Start of RECORDS FOR THE TASK

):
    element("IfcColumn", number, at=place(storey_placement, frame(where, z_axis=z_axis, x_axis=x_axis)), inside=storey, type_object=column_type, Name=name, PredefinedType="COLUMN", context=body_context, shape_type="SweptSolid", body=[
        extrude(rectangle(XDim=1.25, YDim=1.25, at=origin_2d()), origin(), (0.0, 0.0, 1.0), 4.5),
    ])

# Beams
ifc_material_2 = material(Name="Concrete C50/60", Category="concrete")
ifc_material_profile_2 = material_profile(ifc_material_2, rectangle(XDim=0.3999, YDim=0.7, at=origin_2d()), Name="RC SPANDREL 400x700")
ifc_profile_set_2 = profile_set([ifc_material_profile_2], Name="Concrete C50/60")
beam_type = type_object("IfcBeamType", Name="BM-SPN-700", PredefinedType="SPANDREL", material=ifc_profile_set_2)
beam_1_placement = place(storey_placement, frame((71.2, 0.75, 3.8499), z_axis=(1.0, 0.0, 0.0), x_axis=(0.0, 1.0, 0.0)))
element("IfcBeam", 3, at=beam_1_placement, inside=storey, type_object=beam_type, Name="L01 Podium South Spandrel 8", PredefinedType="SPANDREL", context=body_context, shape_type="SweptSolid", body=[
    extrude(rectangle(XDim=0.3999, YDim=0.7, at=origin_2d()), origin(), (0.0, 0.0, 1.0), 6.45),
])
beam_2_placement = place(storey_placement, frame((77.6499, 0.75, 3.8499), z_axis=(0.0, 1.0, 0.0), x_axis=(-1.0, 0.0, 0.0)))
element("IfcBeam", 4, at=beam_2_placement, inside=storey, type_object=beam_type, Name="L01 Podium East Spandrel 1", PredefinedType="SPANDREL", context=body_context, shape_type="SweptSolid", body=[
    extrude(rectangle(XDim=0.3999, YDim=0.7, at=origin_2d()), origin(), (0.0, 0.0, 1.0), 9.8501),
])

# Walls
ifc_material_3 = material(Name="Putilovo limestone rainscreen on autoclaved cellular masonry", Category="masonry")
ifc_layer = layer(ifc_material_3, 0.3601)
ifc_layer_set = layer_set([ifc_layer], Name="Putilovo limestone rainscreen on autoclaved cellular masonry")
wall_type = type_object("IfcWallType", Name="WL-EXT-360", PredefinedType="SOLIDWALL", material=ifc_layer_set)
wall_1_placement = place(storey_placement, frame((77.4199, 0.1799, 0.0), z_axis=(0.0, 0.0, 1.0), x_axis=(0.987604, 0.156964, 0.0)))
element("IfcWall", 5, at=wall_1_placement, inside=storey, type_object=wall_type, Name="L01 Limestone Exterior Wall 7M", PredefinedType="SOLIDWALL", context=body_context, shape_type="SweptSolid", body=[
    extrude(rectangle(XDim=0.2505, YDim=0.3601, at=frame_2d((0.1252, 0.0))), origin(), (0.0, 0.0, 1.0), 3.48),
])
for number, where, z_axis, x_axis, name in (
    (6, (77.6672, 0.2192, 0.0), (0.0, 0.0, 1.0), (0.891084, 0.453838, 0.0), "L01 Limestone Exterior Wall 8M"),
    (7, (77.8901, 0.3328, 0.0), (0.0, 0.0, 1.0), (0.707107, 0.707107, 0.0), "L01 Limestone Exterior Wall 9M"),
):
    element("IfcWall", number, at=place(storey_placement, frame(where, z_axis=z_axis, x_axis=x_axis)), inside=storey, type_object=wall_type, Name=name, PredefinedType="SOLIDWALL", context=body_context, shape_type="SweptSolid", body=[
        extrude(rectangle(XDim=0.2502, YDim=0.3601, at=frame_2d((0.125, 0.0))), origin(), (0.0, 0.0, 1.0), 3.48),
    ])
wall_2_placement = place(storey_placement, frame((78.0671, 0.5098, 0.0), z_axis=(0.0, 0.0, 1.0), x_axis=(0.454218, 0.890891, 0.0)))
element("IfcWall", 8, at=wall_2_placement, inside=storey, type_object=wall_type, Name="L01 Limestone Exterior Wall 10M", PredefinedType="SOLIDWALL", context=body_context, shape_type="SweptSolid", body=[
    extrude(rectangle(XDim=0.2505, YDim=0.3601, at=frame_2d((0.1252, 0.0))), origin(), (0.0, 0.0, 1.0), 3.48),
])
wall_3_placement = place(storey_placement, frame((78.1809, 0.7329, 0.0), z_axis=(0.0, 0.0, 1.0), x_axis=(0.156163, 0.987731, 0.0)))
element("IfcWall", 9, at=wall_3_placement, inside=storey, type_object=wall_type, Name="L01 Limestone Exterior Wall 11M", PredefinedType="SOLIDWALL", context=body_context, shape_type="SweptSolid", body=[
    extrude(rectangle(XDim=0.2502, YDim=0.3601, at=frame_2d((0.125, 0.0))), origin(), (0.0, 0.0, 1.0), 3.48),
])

End of RECORDS FOR THE TASK

TO DO: What lines of the data include the word "SPANDREL"? Copy each of them.

EXERCISE OUTPUT:
ifc_material_profile_2 = material_profile(ifc_material_2, rectangle(XDim=0.3999, YDim=0.7, at=origin_2d()), Name="RC SPANDREL 400x700")
beam_type = type_object("IfcBeamType", Name="BM-SPN-700", PredefinedType="SPANDREL", material=ifc_profile_set_2)
element("IfcBeam", 3, at=beam_1_placement, inside=storey, type_object=beam_type, Name="L01 Podium South Spandrel 8", PredefinedType="SPANDREL", context=body_context, shape_type="SweptSolid", body=[
element("IfcBeam", 4, at=beam_2_placement, inside=storey, type_object=beam_type, Name="L01 Podium East Spandrel 1", PredefinedType="SPANDREL", context=body_context, shape_type="SweptSolid", body=[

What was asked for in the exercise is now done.